**WHAT YOU WILL DO**
Give back only the lines in the records below from the one with "#148=IFCINDEXEDPOLYGONALFACE((17,21,22,18));" to the one with "#149=IFCINDEXEDPOLYGONALFACE((19,23,24,20));", both inclusive, word for word.

**GIVEN DATA**

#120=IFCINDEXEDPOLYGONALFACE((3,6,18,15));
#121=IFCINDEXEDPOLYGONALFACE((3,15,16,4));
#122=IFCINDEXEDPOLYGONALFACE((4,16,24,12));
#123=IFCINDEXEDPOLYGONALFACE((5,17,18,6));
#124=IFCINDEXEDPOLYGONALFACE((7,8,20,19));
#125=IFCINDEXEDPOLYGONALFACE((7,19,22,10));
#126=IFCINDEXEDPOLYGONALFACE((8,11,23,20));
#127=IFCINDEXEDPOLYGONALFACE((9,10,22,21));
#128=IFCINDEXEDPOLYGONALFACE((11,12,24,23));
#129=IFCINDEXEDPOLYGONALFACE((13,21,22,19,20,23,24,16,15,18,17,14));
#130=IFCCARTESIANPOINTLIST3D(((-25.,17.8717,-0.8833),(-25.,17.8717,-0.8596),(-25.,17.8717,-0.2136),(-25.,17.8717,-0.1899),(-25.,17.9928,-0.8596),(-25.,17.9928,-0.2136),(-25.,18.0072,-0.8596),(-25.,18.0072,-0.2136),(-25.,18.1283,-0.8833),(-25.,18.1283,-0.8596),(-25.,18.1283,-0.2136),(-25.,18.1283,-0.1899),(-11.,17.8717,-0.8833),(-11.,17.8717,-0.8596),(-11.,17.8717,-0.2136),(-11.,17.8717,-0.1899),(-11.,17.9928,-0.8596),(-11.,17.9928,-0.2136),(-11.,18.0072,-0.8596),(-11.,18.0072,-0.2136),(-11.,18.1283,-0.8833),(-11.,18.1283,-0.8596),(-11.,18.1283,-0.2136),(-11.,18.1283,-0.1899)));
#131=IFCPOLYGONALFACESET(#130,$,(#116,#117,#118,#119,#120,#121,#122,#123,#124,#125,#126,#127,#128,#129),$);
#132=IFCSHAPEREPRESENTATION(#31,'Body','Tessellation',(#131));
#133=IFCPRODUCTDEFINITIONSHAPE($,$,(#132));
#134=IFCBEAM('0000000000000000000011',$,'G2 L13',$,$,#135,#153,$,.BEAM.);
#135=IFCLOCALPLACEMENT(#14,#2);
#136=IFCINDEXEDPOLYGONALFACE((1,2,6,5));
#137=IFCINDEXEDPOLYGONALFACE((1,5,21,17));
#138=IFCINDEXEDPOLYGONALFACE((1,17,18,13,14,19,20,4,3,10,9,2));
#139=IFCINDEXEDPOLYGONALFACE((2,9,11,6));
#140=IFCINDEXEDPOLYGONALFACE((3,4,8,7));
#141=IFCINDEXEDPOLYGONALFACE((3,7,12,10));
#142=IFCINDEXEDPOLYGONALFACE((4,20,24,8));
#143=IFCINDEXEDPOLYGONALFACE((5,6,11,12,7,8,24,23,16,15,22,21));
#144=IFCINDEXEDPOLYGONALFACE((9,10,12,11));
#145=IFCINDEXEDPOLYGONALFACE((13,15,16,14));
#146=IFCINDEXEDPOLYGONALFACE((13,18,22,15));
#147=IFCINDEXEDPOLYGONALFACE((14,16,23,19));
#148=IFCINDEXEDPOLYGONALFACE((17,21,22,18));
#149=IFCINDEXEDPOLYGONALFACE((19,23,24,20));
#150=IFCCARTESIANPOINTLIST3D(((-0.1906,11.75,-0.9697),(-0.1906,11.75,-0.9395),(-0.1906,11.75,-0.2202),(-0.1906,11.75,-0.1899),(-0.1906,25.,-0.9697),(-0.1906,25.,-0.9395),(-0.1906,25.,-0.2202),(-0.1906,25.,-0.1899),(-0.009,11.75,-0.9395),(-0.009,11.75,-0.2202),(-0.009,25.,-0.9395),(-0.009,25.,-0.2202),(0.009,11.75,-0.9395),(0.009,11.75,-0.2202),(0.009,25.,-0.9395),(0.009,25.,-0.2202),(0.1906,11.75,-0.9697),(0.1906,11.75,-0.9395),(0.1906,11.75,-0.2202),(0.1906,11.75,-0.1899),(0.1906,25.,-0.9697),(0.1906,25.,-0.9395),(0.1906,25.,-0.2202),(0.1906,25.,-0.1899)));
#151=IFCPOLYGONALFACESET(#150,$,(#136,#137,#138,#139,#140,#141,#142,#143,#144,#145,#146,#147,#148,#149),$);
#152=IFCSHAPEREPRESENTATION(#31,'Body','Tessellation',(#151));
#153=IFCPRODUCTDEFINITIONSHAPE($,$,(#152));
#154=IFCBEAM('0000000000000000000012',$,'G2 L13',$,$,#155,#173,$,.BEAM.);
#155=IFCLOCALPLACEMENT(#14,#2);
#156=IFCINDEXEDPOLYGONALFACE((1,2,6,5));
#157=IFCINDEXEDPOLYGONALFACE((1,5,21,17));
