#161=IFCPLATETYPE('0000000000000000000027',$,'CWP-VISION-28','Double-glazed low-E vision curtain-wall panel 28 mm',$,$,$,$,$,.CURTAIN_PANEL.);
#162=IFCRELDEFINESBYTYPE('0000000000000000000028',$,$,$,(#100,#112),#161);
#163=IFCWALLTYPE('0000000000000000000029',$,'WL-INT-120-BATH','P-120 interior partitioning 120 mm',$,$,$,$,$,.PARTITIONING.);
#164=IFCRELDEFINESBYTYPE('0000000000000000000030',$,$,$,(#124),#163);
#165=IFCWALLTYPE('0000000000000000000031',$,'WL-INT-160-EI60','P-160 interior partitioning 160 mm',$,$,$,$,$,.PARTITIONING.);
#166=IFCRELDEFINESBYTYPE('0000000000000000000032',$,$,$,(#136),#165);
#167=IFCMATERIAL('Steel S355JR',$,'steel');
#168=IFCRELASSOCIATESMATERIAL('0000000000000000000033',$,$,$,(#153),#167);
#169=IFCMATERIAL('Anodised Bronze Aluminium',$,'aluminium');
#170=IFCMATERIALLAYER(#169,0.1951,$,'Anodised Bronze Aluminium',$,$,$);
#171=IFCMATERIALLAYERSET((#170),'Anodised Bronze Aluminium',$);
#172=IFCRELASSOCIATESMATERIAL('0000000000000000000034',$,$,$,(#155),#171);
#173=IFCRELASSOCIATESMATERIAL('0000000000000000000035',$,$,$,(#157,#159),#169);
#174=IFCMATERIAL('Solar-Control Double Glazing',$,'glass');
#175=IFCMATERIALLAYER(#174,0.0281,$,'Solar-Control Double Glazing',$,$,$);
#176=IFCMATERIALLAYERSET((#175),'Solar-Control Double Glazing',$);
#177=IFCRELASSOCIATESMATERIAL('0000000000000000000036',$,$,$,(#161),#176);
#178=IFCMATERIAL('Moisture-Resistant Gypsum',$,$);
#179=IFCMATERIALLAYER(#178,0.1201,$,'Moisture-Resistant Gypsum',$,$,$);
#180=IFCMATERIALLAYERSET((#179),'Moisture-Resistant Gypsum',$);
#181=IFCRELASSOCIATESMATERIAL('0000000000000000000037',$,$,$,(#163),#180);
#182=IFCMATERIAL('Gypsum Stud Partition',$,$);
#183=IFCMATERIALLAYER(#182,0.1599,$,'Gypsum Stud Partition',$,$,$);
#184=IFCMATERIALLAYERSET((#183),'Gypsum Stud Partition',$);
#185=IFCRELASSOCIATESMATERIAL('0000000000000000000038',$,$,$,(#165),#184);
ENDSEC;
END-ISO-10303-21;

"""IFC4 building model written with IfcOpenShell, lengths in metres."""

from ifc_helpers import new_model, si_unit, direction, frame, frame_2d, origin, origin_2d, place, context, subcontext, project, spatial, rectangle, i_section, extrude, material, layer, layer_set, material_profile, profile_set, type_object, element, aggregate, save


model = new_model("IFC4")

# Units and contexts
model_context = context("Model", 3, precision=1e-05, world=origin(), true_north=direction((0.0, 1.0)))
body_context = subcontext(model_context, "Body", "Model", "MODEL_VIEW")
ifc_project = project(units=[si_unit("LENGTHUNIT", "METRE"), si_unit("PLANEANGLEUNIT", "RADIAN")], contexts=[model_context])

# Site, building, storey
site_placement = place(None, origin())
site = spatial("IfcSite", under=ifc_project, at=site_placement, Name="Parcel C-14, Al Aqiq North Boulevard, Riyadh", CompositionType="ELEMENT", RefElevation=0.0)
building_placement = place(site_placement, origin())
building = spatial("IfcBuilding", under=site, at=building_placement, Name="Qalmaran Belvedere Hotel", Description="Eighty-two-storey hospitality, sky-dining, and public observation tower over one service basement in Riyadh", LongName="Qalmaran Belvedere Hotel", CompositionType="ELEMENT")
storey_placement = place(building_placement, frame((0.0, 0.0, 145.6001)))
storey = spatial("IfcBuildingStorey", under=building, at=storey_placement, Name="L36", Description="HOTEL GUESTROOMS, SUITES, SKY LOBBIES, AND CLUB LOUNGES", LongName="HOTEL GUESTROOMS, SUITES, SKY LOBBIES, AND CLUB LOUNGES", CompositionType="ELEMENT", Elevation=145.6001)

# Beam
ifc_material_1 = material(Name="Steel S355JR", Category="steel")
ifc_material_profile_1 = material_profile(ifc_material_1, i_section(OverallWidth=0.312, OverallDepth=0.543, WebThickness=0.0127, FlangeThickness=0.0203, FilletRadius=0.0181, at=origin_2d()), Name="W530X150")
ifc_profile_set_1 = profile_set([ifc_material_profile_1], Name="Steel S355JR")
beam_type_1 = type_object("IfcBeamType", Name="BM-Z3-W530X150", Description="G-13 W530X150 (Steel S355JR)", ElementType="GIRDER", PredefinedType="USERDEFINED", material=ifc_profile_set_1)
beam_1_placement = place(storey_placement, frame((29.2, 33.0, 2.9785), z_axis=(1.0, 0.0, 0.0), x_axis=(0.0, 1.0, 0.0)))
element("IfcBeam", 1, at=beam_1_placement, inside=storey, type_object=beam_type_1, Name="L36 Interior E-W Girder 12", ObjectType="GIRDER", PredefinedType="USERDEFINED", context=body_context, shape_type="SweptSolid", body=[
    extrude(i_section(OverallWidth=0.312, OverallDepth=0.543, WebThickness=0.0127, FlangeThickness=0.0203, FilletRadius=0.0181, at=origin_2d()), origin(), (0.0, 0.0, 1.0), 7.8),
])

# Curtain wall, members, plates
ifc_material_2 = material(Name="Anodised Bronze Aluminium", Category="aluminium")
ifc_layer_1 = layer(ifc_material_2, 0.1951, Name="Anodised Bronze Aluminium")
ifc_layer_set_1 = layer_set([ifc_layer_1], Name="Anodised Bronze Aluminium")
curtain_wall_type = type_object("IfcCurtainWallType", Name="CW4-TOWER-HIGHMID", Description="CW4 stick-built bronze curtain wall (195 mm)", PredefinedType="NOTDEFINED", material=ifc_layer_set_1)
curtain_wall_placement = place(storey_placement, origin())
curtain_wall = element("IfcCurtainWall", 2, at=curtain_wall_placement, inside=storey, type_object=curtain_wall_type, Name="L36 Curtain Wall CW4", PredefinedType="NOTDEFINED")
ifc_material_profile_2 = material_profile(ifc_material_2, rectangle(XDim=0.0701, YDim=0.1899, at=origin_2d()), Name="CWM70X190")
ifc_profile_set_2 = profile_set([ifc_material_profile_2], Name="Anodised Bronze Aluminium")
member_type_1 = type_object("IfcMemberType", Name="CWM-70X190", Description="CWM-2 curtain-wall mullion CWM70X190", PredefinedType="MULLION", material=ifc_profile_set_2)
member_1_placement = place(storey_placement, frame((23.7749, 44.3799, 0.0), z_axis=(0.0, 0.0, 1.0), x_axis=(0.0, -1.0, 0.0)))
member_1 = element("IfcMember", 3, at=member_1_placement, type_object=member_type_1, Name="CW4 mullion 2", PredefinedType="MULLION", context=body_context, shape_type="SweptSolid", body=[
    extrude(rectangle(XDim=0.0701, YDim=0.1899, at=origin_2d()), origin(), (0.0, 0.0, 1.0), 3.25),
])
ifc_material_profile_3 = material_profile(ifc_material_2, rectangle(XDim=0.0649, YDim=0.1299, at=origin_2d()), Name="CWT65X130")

**TASK OUTPUT**
#148=IFCINDEXEDPOLYGONALFACE((17,21,22,18));
#149=IFCINDEXEDPOLYGONALFACE((19,23,24,20));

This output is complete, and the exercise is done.